__WHAT IS NEEDED__: The entries below contain a line with "#182=IFCSHAPEREPRESENTATION(#169,'Body','Tessellation',(#181));" and a line with "#22=IFCINDEXEDPOLYGONALFACE((2,23,25,4));". Retype exactly everything from the first down to the second, both included, and nothing else.
- Opening Delimiter -
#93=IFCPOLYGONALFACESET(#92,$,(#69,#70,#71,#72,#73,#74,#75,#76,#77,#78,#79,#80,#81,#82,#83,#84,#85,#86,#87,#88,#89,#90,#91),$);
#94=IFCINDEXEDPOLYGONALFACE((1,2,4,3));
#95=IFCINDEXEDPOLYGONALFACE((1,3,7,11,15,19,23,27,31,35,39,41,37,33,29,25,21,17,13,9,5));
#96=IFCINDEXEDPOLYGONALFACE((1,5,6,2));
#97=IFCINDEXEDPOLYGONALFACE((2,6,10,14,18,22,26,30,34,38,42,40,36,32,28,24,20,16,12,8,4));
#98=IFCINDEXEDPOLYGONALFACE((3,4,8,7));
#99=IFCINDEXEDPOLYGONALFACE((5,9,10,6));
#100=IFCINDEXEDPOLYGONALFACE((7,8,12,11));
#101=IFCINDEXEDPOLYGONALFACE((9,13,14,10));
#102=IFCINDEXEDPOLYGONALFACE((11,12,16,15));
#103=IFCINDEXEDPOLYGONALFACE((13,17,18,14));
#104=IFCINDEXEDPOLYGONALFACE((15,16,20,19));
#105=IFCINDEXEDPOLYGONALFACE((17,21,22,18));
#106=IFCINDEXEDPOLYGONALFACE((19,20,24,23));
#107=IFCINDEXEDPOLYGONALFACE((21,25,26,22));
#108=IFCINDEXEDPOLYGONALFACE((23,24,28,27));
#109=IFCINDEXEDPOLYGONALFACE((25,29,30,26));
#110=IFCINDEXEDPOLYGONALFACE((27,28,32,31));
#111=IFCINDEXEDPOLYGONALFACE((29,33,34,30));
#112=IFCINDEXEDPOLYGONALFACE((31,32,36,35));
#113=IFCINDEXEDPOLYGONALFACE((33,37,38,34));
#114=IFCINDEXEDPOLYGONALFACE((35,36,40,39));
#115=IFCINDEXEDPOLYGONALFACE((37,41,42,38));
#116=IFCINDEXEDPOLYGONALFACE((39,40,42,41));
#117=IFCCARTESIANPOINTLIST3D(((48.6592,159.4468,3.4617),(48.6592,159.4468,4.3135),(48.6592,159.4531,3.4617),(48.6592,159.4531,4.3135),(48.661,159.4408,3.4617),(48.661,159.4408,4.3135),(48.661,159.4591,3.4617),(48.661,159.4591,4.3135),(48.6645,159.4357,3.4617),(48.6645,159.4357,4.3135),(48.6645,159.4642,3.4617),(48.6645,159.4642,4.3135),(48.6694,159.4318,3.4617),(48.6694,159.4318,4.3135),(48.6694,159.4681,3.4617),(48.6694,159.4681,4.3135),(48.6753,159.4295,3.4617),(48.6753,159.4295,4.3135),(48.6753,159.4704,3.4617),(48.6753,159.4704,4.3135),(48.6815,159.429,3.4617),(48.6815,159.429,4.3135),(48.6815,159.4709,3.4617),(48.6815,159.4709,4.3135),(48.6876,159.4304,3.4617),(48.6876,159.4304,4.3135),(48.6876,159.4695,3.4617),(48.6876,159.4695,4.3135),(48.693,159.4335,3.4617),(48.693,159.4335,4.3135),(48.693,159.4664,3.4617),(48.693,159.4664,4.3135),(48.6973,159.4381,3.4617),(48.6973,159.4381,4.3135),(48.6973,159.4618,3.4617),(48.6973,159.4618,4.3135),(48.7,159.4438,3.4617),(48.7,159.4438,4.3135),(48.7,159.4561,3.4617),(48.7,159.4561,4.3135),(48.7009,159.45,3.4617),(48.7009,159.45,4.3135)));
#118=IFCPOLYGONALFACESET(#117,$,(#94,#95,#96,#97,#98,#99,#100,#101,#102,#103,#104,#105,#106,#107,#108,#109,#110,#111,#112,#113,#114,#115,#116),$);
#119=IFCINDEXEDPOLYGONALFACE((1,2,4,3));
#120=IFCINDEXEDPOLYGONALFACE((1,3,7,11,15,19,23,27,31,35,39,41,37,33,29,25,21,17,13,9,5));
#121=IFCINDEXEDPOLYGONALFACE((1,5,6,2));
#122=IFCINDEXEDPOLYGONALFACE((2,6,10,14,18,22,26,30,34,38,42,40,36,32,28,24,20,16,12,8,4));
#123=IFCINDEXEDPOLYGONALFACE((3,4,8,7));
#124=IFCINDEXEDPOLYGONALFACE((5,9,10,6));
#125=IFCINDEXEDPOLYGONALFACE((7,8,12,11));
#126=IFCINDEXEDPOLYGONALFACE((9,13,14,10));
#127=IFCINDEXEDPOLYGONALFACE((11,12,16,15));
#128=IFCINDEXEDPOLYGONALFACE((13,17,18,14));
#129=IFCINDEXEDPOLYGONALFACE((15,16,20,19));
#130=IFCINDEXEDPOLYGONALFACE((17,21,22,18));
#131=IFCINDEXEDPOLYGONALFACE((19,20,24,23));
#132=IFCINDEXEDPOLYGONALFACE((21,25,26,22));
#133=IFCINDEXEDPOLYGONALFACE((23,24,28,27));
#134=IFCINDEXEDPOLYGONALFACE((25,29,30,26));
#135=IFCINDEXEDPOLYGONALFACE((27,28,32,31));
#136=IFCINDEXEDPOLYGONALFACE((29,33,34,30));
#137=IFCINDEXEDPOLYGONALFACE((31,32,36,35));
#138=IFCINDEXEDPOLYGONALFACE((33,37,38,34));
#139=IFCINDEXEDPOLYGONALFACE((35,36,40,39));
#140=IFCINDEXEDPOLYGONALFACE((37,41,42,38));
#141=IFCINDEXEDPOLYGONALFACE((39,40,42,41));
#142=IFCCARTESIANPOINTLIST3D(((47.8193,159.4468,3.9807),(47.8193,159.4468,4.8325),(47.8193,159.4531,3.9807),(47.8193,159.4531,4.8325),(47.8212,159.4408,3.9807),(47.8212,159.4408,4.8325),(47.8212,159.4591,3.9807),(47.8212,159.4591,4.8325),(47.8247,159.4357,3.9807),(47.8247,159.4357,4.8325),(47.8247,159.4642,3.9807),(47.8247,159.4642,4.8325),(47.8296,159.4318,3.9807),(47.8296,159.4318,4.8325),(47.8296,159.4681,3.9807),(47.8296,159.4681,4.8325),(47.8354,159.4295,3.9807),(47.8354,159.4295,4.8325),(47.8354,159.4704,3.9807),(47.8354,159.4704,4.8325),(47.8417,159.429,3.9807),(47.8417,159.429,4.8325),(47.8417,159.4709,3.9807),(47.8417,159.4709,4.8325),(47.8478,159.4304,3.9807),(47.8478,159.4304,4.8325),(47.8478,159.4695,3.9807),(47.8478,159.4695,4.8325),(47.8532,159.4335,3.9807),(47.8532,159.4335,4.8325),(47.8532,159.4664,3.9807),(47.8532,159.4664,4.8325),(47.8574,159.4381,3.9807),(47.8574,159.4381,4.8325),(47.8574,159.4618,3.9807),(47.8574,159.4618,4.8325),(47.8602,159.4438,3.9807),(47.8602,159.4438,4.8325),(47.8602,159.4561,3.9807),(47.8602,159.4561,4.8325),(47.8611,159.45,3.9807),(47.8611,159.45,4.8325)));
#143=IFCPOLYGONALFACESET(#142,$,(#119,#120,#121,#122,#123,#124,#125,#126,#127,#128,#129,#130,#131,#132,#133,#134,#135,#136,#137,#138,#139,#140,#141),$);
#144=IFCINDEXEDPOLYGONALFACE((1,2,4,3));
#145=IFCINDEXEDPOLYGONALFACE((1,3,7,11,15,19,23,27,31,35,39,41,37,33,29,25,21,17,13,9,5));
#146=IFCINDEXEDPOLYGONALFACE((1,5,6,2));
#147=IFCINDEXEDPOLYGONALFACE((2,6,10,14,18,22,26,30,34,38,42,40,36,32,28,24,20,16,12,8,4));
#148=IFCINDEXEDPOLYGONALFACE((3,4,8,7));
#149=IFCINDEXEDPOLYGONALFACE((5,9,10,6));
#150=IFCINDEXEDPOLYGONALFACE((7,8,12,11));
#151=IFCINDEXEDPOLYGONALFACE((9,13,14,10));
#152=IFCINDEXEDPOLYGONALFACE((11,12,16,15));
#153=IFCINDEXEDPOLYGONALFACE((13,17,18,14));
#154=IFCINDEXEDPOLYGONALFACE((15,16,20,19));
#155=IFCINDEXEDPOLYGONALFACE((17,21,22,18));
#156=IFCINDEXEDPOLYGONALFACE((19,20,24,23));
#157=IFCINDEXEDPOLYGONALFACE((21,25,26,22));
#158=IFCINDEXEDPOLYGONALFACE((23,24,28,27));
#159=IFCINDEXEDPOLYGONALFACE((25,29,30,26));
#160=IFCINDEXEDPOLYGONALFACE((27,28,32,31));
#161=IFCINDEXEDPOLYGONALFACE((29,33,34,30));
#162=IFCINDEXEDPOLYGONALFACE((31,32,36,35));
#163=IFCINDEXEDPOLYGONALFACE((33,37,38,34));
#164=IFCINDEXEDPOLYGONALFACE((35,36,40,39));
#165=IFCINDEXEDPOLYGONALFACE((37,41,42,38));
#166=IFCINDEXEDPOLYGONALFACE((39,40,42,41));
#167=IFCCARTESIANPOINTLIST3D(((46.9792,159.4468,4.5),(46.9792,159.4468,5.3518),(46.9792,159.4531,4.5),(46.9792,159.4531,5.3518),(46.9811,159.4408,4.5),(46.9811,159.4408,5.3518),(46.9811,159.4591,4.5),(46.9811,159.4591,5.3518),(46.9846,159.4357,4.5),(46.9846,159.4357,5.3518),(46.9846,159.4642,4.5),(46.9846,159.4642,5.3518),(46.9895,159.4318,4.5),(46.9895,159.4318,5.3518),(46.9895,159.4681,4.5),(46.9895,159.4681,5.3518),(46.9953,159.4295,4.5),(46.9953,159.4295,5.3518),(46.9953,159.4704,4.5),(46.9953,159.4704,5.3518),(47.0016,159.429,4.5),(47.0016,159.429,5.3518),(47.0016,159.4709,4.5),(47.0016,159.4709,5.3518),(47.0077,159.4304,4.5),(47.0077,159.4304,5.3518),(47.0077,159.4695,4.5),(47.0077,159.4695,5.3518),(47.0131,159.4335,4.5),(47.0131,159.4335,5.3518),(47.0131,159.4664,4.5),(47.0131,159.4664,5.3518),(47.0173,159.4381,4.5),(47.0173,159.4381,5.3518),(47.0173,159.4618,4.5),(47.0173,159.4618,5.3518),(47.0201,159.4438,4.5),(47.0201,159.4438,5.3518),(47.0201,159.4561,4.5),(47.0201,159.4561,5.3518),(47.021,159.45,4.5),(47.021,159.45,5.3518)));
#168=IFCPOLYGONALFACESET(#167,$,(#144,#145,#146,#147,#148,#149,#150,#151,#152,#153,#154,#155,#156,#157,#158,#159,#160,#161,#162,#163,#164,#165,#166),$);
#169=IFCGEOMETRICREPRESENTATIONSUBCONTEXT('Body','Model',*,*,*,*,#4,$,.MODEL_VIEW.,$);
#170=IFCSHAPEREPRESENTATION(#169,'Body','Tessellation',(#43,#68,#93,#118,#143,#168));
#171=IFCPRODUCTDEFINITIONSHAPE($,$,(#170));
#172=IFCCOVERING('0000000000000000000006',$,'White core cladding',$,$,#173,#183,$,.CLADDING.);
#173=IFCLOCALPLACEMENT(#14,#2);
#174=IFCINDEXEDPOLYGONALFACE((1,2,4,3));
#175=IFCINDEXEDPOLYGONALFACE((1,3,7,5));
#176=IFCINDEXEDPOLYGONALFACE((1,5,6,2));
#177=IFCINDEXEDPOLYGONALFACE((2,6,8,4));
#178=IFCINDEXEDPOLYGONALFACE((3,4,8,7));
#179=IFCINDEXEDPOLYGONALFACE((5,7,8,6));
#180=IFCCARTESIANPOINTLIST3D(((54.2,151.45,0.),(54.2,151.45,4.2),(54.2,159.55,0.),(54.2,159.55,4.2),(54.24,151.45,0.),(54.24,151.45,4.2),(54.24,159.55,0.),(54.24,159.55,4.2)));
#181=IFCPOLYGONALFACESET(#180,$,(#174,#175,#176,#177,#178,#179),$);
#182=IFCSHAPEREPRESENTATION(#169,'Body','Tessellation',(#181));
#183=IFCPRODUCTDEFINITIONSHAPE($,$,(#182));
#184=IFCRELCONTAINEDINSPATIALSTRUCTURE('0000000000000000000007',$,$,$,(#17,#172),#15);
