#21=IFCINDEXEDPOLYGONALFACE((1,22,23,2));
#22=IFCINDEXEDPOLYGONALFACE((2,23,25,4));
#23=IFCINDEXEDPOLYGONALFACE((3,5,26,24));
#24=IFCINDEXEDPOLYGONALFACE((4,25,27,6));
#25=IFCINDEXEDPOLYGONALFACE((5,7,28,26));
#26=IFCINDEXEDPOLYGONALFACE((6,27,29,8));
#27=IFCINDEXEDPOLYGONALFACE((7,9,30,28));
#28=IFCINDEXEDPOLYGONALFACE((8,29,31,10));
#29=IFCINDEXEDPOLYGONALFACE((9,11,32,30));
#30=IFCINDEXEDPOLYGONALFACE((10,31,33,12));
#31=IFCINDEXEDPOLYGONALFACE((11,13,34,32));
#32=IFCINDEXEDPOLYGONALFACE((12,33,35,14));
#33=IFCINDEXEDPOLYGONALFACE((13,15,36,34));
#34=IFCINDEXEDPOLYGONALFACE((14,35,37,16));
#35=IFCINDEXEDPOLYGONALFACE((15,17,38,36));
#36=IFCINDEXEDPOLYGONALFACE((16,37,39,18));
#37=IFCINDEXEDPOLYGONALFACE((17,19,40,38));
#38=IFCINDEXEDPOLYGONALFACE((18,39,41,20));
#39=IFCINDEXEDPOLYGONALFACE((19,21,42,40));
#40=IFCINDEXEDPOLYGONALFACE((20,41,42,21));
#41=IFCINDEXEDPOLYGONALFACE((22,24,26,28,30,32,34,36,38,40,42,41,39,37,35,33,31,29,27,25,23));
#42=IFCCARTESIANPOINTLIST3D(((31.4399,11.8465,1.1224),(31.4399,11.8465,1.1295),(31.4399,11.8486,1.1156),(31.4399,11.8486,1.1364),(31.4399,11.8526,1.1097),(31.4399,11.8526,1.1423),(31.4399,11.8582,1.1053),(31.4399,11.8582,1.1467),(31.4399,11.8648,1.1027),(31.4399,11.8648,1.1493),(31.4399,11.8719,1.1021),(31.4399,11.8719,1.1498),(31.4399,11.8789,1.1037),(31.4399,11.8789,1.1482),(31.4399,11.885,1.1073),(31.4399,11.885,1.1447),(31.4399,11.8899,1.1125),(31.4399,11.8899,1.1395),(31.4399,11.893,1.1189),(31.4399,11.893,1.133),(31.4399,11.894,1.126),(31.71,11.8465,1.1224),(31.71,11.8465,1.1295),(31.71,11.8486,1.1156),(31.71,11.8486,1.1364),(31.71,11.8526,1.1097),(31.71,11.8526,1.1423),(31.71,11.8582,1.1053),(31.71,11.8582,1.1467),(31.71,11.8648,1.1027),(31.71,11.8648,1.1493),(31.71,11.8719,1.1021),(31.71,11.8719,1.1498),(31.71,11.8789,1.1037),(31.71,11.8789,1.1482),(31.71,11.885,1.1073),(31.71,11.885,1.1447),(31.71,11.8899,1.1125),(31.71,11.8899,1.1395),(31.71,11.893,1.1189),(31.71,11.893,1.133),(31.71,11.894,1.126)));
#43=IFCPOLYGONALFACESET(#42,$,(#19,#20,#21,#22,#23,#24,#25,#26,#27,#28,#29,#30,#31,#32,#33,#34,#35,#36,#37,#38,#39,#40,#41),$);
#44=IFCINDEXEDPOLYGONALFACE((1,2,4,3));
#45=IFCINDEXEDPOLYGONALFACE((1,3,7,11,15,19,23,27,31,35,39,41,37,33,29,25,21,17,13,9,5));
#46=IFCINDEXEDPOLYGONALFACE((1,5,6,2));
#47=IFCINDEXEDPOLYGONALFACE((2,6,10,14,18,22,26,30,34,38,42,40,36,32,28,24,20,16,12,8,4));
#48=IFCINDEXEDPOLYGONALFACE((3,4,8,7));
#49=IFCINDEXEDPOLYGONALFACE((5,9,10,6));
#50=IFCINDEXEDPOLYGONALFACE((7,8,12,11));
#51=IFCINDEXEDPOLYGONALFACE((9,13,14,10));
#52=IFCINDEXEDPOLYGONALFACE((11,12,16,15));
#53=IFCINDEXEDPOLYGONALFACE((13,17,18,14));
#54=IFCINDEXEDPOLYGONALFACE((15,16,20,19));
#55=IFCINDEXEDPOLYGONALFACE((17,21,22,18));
- Closing Delimiter -
__ANSWER SPACE__:
#182=IFCSHAPEREPRESENTATION(#169,'Body','Tessellation',(#181));
#183=IFCPRODUCTDEFINITIONSHAPE($,$,(#182));
#184=IFCRELCONTAINEDINSPATIALSTRUCTURE('0000000000000000000007',$,$,$,(#17,#172),#15);
#21=IFCINDEXEDPOLYGONALFACE((1,22,23,2));
#22=IFCINDEXEDPOLYGONALFACE((2,23,25,4));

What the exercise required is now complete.